Work to complete
Exactly as written, copy the lines of the data below from the first through the one containing "#93=IFCLOCALPLACEMENT(#14,#2);".

Data shown

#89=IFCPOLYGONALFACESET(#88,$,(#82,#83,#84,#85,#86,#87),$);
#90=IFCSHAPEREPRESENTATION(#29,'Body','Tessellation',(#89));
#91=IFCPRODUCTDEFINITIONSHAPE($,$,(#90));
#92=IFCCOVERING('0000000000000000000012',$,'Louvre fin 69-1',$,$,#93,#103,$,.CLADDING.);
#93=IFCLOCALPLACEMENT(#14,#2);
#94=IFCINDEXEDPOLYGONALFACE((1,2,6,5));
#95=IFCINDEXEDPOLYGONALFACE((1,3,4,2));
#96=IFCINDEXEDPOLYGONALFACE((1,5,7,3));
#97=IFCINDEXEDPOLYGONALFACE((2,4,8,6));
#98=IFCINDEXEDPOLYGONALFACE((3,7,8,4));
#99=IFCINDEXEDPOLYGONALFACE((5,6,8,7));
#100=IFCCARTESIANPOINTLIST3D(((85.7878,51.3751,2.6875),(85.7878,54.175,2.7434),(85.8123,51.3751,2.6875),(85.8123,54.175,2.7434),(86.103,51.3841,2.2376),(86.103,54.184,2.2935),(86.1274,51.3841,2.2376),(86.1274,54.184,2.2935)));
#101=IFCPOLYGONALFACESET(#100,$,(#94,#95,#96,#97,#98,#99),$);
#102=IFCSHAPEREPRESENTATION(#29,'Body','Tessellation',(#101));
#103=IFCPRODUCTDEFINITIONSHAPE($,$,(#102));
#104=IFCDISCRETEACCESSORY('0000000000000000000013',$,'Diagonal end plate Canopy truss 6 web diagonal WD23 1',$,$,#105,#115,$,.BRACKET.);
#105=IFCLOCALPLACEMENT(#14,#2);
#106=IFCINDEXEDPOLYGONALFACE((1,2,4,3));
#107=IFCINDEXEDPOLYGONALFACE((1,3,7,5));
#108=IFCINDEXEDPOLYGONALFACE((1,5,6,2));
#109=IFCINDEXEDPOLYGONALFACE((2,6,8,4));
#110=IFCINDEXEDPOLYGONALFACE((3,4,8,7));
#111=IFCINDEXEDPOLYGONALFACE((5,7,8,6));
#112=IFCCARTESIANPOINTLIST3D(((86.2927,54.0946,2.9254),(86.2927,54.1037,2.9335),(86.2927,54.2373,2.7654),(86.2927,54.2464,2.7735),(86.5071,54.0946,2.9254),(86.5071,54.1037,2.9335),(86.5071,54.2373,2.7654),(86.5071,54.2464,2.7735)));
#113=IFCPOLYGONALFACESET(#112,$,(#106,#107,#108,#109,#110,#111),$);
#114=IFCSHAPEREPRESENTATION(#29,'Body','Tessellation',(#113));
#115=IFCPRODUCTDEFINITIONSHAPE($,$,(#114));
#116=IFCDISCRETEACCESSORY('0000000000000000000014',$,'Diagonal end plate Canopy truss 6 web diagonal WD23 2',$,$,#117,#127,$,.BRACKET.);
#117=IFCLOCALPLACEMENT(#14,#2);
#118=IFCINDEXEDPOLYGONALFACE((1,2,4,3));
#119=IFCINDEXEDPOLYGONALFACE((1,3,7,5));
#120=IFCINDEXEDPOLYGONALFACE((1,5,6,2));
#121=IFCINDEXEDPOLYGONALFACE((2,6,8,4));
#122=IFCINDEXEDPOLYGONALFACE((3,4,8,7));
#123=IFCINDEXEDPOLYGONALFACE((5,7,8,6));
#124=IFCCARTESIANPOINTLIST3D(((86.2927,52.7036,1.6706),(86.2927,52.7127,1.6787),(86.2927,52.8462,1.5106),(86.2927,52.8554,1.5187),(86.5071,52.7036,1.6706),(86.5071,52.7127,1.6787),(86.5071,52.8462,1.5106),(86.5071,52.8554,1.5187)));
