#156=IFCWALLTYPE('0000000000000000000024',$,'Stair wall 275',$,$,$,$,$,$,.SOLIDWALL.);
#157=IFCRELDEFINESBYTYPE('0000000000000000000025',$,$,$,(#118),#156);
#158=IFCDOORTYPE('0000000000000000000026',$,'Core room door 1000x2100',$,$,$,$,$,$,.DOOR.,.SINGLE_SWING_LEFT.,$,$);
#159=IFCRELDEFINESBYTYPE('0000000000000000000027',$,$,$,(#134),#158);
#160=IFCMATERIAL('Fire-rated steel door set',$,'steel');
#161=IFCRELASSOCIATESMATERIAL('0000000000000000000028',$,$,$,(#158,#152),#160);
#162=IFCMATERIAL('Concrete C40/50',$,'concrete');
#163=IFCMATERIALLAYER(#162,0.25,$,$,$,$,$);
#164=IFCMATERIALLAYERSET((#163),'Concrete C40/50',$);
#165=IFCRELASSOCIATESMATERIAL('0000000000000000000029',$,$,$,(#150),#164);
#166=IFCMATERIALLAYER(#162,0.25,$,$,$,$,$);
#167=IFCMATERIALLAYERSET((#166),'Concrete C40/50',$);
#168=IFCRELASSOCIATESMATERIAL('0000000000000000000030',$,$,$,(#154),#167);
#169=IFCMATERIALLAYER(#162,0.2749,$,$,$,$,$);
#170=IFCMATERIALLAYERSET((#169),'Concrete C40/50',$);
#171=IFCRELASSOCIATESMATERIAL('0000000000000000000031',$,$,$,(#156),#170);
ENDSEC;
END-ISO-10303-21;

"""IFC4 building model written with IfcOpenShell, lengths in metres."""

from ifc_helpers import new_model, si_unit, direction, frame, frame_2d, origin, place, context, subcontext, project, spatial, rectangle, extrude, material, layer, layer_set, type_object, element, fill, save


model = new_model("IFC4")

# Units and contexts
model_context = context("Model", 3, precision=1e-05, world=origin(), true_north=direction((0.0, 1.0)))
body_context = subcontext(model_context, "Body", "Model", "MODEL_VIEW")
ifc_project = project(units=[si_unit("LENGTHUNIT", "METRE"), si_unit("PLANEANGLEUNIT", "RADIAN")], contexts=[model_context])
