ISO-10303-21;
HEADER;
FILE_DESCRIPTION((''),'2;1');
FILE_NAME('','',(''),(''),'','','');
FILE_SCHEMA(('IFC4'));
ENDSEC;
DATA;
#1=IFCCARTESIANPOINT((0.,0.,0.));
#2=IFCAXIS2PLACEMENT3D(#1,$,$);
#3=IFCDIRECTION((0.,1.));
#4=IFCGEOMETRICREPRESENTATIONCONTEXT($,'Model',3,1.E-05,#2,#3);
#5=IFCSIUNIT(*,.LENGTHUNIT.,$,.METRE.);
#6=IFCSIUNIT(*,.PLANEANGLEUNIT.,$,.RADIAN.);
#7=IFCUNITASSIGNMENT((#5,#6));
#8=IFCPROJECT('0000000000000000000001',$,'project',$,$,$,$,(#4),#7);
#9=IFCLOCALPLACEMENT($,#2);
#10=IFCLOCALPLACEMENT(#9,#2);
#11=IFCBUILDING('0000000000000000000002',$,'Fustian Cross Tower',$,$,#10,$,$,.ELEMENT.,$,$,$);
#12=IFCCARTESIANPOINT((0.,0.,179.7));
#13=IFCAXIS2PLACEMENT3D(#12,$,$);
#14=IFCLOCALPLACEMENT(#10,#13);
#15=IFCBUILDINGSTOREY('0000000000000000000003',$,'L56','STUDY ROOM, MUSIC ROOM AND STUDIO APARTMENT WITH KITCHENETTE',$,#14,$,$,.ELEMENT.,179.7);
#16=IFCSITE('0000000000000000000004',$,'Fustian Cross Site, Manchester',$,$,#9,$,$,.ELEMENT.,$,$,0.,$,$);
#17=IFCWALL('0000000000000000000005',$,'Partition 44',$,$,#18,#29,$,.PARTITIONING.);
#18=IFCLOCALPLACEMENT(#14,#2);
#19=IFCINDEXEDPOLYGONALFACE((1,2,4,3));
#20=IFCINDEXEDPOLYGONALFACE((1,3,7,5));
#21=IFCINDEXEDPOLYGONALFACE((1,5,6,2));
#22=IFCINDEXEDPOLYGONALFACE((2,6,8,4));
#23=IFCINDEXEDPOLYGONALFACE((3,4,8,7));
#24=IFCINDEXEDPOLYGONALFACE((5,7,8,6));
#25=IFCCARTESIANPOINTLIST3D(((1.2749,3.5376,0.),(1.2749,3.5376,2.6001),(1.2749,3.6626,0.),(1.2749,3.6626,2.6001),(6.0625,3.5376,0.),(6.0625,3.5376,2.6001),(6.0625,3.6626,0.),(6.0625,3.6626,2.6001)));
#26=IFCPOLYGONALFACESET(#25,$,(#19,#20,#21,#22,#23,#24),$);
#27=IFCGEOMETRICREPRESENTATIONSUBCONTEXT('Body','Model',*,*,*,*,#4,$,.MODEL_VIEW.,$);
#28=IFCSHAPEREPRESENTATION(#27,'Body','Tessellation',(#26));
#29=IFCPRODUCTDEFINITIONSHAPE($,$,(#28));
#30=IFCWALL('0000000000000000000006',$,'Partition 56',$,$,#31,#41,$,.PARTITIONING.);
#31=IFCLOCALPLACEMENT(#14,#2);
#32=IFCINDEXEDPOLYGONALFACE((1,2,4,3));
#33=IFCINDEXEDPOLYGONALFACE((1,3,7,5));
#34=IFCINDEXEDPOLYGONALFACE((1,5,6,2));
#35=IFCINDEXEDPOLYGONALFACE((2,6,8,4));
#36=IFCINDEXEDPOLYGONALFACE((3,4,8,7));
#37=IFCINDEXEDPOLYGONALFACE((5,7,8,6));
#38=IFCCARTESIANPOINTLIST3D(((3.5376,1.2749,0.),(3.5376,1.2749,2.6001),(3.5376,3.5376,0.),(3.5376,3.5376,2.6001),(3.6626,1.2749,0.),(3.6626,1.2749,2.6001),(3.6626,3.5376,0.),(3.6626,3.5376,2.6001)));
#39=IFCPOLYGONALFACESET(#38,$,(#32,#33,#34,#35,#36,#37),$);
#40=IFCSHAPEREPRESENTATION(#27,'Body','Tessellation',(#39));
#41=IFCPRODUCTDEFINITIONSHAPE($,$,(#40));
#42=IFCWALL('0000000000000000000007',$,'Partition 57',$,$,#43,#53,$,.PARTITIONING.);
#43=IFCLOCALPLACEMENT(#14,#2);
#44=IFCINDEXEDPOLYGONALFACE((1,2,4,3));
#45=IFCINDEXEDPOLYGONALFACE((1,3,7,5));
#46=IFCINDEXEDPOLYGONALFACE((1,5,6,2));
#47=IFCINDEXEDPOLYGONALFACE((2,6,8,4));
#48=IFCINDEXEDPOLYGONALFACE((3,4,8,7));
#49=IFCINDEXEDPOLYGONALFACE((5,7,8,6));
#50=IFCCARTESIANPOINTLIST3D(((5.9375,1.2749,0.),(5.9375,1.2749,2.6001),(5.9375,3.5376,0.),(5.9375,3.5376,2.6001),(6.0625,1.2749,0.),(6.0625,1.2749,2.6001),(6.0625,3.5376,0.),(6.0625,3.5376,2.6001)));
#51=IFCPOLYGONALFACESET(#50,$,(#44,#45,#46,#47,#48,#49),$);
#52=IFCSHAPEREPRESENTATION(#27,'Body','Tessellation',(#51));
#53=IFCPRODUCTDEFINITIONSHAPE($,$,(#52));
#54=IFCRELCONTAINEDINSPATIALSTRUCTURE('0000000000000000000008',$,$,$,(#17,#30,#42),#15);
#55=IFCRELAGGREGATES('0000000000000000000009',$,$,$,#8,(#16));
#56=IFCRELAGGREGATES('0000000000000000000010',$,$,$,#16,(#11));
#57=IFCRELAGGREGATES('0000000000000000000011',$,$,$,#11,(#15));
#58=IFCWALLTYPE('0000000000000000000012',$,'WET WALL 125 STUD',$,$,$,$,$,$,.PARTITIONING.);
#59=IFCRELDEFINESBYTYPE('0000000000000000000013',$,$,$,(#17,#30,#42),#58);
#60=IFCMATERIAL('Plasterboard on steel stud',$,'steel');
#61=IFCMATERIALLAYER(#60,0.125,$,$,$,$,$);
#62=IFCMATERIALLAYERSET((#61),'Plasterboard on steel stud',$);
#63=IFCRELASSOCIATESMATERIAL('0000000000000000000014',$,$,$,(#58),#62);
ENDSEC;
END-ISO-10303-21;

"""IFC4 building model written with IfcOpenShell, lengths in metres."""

from ifc_helpers import new_model, si_unit, direction, frame, frame_2d, origin, place, context, subcontext, project, spatial, rectangle, extrude, material, layer, layer_set, type_object, element, save


model = new_model("IFC4")

# Units and contexts
model_context = context("Model", 3, precision=1e-05, world=origin(), true_north=direction((0.0, 1.0)))
body_context = subcontext(model_context, "Body", "Model", "MODEL_VIEW")
ifc_project = project(units=[si_unit("LENGTHUNIT", "METRE"), si_unit("PLANEANGLEUNIT", "RADIAN")], contexts=[model_context])

# Site, building, storey
site_placement = place(None, origin())
site = spatial("IfcSite", under=ifc_project, at=site_placement, Name="Fustian Cross Site, Manchester", CompositionType="ELEMENT", RefElevation=0.0)
building_placement = place(site_placement, origin())
building = spatial("IfcBuilding", under=site, at=building_placement, Name="Fustian Cross Tower", CompositionType="ELEMENT")
storey_placement = place(building_placement, frame((0.0, 0.0, 179.7)))
storey = spatial("IfcBuildingStorey", under=building, at=storey_placement, Name="L56", Description="STUDY ROOM, MUSIC ROOM AND STUDIO APARTMENT WITH KITCHENETTE", CompositionType="ELEMENT", Elevation=179.7)

# Walls
ifc_material_1 = material(Name="Plasterboard on steel stud", Category="steel")
ifc_layer_1 = layer(ifc_material_1, 0.125)
ifc_layer_set_1 = layer_set([ifc_layer_1], Name="Plasterboard on steel stud")
wall_type_1 = type_object("IfcWallType", Name="WET WALL 125 STUD", PredefinedType="PARTITIONING", material=ifc_layer_set_1)
wall_1_placement = place(storey_placement, frame((1.2749, 3.6001, 0.0), z_axis=(0.0, 0.0, 1.0), x_axis=(1.0, 0.0, 0.0)))
element("IfcWall", 1, at=wall_1_placement, inside=storey, type_object=wall_type_1, Name="Partition 44", PredefinedType="PARTITIONING", context=body_context, shape_type="SweptSolid", body=[
    extrude(rectangle(XDim=4.7876, YDim=0.125, at=frame_2d((2.3938, 0.0))), origin(), (0.0, 0.0, 1.0), 2.6001),
])
for number, where, z_axis, x_axis, name in (
    (2, (3.6001, 1.2749, 0.0), (0.0, 0.0, 1.0), (0.0, 1.0, 0.0), "Partition 56"),
    (3, (6.0, 1.2749, 0.0), (0.0, 0.0, 1.0), (0.0, 1.0, 0.0), "Partition 57"),
):
    element("IfcWall", number, at=place(storey_placement, frame(where, z_axis=z_axis, x_axis=x_axis)), inside=storey, type_object=wall_type_1, Name=name, PredefinedType="PARTITIONING", context=body_context, shape_type="SweptSolid", body=[
        extrude(rectangle(XDim=2.2627, YDim=0.125, at=frame_2d((1.1313, 0.0))), origin(), (0.0, 0.0, 1.0), 2.6001),
    ])

save(model, "model.ifc")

Task response
#89=IFCPOLYGONALFACESET(#88,$,(#82,#83,#84,#85,#86,#87),$);
#90=IFCSHAPEREPRESENTATION(#29,'Body','Tessellation',(#89));
#91=IFCPRODUCTDEFINITIONSHAPE($,$,(#90));
#92=IFCCOVERING('0000000000000000000012',$,'Louvre fin 69-1',$,$,#93,#103,$,.CLADDING.);
#93=IFCLOCALPLACEMENT(#14,#2);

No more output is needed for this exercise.